Saved data entries
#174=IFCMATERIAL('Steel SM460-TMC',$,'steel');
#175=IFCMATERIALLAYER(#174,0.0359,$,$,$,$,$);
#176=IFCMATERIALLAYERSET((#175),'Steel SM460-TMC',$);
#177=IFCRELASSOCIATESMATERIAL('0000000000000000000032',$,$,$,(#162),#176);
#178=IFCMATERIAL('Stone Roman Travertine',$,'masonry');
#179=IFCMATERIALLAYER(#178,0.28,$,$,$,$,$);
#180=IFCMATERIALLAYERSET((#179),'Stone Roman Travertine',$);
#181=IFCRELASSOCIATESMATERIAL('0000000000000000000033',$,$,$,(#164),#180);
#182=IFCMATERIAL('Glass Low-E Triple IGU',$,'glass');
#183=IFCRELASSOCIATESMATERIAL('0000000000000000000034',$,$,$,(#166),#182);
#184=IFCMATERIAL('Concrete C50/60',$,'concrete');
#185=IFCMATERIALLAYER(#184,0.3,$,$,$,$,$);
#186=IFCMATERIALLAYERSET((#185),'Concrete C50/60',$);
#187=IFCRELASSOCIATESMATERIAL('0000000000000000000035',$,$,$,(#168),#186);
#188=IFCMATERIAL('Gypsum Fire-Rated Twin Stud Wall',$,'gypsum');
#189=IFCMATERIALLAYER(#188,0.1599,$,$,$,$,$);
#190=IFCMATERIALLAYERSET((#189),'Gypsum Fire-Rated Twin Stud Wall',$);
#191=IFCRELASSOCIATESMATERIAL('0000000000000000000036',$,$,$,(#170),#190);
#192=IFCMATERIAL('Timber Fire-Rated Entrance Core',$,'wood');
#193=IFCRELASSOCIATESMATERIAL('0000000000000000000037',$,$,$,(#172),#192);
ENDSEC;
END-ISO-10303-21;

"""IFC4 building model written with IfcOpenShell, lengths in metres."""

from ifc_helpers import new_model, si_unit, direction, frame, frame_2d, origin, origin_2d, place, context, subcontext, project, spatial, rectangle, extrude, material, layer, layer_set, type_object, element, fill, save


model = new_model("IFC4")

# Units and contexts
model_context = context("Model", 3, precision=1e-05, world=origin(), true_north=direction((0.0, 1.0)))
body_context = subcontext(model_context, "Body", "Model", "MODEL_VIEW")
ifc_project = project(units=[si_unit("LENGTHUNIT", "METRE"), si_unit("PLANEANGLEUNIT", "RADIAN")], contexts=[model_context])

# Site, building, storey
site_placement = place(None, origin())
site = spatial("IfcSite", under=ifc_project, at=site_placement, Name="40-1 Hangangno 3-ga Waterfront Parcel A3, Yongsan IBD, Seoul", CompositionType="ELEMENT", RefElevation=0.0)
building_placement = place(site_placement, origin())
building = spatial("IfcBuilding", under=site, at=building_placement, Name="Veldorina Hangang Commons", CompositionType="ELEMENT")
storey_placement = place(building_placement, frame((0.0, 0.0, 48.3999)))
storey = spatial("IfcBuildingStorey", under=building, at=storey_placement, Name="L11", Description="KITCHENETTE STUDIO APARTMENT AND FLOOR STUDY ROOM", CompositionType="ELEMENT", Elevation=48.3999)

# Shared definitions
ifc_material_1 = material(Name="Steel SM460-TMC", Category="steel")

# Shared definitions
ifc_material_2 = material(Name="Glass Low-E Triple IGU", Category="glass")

Work request
Repeat every line of the data word for word until you have repeated the line that contains "world=origin(), true_north=direction((0.0, 1.0)))", which is the last one to include.

Answer space
#174=IFCMATERIAL('Steel SM460-TMC',$,'steel');
#175=IFCMATERIALLAYER(#174,0.0359,$,$,$,$,$);
#176=IFCMATERIALLAYERSET((#175),'Steel SM460-TMC',$);
#177=IFCRELASSOCIATESMATERIAL('0000000000000000000032',$,$,$,(#162),#176);
#178=IFCMATERIAL('Stone Roman Travertine',$,'masonry');
#179=IFCMATERIALLAYER(#178,0.28,$,$,$,$,$);
#180=IFCMATERIALLAYERSET((#179),'Stone Roman Travertine',$);
#181=IFCRELASSOCIATESMATERIAL('0000000000000000000033',$,$,$,(#164),#180);
#182=IFCMATERIAL('Glass Low-E Triple IGU',$,'glass');
#183=IFCRELASSOCIATESMATERIAL('0000000000000000000034',$,$,$,(#166),#182);
#184=IFCMATERIAL('Concrete C50/60',$,'concrete');
#185=IFCMATERIALLAYER(#184,0.3,$,$,$,$,$);
#186=IFCMATERIALLAYERSET((#185),'Concrete C50/60',$);
#187=IFCRELASSOCIATESMATERIAL('0000000000000000000035',$,$,$,(#168),#186);
#188=IFCMATERIAL('Gypsum Fire-Rated Twin Stud Wall',$,'gypsum');
#189=IFCMATERIALLAYER(#188,0.1599,$,$,$,$,$);
#190=IFCMATERIALLAYERSET((#189),'Gypsum Fire-Rated Twin Stud Wall',$);
#191=IFCRELASSOCIATESMATERIAL('0000000000000000000036',$,$,$,(#170),#190);
#192=IFCMATERIAL('Timber Fire-Rated Entrance Core',$,'wood');
#193=IFCRELASSOCIATESMATERIAL('0000000000000000000037',$,$,$,(#172),#192);
ENDSEC;
END-ISO-10303-21;

"""IFC4 building model written with IfcOpenShell, lengths in metres."""

from ifc_helpers import new_model, si_unit, direction, frame, frame_2d, origin, origin_2d, place, context, subcontext, project, spatial, rectangle, extrude, material, layer, layer_set, type_object, element, fill, save


model = new_model("IFC4")

# Units and contexts
model_context = context("Model", 3, precision=1e-05, world=origin(), true_north=direction((0.0, 1.0)))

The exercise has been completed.